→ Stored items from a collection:

▽

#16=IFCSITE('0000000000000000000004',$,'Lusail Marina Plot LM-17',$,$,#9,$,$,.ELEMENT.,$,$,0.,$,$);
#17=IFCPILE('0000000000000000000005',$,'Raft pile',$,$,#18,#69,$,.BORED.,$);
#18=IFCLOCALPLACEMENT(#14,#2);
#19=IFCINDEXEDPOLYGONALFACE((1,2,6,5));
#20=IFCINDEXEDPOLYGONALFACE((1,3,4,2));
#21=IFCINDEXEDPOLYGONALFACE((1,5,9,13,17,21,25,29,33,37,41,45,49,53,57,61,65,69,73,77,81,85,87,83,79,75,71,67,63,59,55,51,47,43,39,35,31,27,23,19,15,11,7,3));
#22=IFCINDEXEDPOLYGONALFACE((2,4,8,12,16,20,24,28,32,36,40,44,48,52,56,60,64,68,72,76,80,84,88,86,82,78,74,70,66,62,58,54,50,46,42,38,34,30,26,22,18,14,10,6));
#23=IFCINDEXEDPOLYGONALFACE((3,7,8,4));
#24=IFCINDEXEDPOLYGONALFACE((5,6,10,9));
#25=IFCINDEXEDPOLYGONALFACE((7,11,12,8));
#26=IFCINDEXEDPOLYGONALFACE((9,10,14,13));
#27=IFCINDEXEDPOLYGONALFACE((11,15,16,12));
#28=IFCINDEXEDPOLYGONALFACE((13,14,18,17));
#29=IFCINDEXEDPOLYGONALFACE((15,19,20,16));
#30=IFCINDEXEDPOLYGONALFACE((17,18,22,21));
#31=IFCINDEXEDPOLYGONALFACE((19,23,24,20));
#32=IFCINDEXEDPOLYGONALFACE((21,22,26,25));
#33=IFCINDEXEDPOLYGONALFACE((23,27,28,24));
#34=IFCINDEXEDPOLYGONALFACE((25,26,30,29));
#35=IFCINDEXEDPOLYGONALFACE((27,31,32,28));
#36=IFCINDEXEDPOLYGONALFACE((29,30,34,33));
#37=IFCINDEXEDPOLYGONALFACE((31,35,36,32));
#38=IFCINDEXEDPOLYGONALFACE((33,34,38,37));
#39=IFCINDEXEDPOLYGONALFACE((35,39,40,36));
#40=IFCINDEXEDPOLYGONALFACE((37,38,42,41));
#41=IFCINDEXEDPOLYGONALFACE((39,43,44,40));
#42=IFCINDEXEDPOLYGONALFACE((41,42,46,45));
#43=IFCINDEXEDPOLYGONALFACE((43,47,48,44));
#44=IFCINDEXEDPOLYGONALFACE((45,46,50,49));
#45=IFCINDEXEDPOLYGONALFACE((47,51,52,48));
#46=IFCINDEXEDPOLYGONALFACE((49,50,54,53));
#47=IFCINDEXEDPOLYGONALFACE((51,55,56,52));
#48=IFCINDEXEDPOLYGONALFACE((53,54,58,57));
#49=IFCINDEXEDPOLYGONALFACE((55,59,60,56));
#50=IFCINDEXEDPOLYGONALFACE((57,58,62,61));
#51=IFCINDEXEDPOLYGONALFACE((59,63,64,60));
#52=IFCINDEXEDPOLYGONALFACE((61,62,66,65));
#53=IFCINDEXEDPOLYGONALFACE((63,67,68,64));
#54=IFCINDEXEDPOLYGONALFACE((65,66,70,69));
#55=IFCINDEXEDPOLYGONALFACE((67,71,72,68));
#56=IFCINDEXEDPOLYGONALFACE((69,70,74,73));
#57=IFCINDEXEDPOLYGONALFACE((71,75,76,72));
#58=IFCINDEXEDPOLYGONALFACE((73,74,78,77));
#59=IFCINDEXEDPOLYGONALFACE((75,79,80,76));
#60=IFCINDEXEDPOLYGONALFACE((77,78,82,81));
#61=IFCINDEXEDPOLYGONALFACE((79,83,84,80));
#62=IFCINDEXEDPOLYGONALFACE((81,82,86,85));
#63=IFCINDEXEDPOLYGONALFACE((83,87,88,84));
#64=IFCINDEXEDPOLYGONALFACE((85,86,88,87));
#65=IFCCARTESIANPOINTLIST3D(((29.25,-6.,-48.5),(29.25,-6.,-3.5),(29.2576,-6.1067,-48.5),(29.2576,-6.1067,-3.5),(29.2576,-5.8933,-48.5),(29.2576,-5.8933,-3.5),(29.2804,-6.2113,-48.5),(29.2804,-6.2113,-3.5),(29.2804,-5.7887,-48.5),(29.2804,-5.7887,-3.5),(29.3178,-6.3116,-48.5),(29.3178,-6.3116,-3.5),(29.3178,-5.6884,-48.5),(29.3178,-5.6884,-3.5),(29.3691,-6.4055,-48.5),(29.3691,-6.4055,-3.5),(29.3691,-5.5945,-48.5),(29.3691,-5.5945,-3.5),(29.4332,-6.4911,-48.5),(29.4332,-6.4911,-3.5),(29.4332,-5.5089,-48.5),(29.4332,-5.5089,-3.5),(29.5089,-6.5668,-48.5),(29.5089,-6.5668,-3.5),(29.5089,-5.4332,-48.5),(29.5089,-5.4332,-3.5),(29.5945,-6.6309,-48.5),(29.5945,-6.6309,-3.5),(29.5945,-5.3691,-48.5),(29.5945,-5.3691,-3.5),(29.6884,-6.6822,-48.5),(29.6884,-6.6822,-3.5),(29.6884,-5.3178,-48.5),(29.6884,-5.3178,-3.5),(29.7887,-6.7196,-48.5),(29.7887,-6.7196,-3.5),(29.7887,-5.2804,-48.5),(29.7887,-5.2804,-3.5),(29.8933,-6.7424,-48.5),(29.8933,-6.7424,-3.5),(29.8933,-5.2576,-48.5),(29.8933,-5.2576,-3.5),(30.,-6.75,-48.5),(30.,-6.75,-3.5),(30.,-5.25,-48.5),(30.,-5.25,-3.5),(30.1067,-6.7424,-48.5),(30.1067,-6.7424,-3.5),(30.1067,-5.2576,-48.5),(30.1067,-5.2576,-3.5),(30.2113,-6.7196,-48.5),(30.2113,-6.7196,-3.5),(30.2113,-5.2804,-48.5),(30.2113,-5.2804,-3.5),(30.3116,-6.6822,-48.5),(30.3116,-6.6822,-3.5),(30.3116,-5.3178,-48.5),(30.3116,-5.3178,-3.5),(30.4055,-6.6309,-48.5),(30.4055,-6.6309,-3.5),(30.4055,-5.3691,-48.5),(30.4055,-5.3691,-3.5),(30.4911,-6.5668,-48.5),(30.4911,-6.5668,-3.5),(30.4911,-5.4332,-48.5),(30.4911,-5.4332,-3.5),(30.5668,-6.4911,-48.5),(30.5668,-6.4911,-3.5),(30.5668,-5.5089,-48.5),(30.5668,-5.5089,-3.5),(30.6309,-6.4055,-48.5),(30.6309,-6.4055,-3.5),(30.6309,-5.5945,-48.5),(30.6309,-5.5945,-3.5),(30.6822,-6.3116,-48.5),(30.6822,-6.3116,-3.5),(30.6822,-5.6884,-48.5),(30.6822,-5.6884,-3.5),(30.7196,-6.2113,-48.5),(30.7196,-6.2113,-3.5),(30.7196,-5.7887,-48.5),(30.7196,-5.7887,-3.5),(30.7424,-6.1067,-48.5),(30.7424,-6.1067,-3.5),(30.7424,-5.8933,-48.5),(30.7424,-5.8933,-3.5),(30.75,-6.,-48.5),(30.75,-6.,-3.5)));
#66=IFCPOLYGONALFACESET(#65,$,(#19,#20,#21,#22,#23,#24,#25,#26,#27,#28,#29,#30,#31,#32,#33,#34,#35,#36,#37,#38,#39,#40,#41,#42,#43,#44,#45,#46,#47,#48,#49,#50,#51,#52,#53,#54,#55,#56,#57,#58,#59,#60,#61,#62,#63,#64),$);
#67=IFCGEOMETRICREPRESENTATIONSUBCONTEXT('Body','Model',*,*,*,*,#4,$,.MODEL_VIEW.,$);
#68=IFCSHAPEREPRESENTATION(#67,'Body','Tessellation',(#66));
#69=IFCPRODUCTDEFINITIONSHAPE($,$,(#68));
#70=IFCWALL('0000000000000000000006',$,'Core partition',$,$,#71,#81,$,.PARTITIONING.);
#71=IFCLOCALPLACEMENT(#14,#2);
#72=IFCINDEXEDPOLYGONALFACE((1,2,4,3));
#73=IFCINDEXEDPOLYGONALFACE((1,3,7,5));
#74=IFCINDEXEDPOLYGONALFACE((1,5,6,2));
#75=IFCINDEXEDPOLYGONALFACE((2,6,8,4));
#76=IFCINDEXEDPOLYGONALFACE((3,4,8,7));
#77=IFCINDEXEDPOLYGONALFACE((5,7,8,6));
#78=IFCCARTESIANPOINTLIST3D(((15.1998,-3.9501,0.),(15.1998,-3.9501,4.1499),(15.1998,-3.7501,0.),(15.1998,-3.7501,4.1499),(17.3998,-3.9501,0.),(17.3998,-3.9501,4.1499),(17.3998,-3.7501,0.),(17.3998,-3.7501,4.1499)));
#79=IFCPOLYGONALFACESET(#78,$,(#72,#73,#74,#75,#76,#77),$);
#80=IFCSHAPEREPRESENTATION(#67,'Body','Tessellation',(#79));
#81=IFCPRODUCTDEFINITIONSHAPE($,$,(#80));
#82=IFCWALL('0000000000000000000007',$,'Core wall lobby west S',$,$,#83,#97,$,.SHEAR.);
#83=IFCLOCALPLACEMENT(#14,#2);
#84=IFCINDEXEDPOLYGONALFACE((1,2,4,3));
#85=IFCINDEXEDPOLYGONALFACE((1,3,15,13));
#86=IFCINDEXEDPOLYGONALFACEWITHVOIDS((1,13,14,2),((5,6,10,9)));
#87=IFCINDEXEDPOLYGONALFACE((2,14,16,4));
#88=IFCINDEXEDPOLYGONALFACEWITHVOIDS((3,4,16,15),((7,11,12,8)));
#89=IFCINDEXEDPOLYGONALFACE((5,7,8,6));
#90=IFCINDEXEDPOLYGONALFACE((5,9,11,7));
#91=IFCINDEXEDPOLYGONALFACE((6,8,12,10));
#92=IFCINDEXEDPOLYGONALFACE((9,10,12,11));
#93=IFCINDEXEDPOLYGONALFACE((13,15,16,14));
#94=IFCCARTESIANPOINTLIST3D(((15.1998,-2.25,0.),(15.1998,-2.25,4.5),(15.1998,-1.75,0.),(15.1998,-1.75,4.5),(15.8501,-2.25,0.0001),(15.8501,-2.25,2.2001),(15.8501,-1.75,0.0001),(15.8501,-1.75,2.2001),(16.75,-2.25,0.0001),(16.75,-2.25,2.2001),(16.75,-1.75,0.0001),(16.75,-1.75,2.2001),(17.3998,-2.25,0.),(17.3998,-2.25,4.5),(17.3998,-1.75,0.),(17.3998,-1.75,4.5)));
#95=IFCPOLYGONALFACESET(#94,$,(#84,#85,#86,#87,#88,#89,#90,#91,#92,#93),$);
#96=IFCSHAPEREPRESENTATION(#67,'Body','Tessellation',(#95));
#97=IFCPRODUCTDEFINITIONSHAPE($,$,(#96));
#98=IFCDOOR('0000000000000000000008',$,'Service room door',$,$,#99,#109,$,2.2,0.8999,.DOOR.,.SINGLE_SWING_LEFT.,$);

△

→ Exercise requirements: Proceeding from the line containing "#51=IFCINDEXEDPOLYGONALFACE((59,63,64,60));" through the line containing "#57=IFCINDEXEDPOLYGONALFACE((71,75,76,72));", transcribe the lines above exactly, both end lines included.

→ The completed task:
#51=IFCINDEXEDPOLYGONALFACE((59,63,64,60));
#52=IFCINDEXEDPOLYGONALFACE((61,62,66,65));
#53=IFCINDEXEDPOLYGONALFACE((63,67,68,64));
#54=IFCINDEXEDPOLYGONALFACE((65,66,70,69));
#55=IFCINDEXEDPOLYGONALFACE((67,71,72,68));
#56=IFCINDEXEDPOLYGONALFACE((69,70,74,73));
#57=IFCINDEXEDPOLYGONALFACE((71,75,76,72));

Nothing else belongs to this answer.